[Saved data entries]
______
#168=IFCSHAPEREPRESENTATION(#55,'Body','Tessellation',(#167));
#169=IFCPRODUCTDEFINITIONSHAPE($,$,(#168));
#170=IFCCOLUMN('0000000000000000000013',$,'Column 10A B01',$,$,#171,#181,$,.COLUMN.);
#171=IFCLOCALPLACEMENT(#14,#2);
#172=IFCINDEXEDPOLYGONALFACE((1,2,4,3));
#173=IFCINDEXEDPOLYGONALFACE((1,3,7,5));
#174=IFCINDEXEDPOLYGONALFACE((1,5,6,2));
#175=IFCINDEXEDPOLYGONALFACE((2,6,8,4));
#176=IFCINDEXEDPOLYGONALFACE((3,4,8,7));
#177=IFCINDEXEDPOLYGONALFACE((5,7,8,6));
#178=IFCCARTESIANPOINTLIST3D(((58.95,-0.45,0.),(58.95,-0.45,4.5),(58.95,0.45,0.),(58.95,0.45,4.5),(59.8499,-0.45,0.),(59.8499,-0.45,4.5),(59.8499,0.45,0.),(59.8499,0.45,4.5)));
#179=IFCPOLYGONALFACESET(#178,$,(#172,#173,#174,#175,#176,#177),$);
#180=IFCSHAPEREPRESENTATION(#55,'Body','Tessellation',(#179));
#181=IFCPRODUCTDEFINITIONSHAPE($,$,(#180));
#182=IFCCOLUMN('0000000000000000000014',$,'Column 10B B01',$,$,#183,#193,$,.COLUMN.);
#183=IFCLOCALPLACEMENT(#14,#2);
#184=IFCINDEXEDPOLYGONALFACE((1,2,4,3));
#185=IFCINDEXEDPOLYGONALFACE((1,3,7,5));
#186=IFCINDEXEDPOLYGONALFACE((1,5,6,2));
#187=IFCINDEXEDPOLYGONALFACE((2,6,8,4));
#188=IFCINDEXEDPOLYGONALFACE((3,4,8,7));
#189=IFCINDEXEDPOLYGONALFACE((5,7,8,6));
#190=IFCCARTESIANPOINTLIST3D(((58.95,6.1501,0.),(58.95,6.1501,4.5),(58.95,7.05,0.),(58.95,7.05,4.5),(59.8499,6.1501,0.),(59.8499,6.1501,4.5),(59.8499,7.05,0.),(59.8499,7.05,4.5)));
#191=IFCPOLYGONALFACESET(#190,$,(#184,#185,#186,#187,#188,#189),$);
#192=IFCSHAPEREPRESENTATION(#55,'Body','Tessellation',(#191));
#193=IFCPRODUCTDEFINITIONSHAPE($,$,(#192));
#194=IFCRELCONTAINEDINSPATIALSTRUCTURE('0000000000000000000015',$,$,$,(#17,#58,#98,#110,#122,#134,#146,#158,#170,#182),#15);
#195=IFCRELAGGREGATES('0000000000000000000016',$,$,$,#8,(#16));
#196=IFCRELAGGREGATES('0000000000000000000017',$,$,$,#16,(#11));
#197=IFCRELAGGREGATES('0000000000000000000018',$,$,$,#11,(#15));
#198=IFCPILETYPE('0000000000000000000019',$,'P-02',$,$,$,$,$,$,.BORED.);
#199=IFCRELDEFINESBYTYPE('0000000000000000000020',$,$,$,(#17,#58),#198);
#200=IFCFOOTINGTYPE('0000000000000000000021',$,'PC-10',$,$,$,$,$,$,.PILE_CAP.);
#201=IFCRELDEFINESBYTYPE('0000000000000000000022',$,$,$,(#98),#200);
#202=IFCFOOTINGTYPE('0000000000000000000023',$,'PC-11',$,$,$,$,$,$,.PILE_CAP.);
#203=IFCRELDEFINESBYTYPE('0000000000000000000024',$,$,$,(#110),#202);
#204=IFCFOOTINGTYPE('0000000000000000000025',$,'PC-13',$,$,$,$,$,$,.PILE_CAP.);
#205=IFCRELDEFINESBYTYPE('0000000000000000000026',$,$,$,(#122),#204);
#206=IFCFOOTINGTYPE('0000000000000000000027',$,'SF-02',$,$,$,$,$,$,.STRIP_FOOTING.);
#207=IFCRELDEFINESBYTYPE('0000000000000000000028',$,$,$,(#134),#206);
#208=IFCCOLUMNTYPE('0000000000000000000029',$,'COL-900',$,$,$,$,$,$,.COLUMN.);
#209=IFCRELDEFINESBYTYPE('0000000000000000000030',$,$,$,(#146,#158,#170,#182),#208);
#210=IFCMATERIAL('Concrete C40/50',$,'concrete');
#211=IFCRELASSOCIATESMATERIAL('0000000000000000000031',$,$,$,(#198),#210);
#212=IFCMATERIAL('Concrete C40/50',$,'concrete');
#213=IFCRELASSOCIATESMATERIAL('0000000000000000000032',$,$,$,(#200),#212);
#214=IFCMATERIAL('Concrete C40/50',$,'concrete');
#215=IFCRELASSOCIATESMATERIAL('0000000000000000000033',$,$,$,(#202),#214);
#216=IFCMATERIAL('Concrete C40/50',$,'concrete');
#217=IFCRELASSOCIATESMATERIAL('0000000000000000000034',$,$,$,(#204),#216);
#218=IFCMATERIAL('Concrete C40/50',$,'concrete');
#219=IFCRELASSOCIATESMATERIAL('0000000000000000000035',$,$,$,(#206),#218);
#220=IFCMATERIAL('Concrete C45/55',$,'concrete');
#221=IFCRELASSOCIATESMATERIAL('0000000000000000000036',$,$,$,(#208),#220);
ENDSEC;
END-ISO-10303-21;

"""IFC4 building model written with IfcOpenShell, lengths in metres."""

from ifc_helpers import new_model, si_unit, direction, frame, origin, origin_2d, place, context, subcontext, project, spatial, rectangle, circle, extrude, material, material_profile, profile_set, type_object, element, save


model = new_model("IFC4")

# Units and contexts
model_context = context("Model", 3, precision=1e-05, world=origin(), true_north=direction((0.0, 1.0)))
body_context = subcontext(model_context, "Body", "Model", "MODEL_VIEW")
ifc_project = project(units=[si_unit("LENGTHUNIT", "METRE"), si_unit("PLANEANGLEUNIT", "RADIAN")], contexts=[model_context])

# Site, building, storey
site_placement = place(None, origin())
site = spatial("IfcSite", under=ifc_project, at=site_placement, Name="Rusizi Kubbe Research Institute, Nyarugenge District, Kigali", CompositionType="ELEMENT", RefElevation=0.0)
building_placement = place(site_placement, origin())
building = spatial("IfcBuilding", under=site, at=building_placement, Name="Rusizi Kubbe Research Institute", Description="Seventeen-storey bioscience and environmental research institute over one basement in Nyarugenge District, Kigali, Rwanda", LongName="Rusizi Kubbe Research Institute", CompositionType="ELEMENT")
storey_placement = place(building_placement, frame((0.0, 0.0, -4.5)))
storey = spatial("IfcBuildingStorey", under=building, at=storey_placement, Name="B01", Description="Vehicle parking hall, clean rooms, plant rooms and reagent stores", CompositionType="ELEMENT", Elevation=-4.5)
______
◆ TASK TO COMPLETE:
Every line above that holds the word "Concrete" should be copied out.

◆ EXERCISE ANSWER:
#210=IFCMATERIAL('Concrete C40/50',$,'concrete');
#212=IFCMATERIAL('Concrete C40/50',$,'concrete');
#214=IFCMATERIAL('Concrete C40/50',$,'concrete');
#216=IFCMATERIAL('Concrete C40/50',$,'concrete');
#218=IFCMATERIAL('Concrete C40/50',$,'concrete');
#220=IFCMATERIAL('Concrete C45/55',$,'concrete');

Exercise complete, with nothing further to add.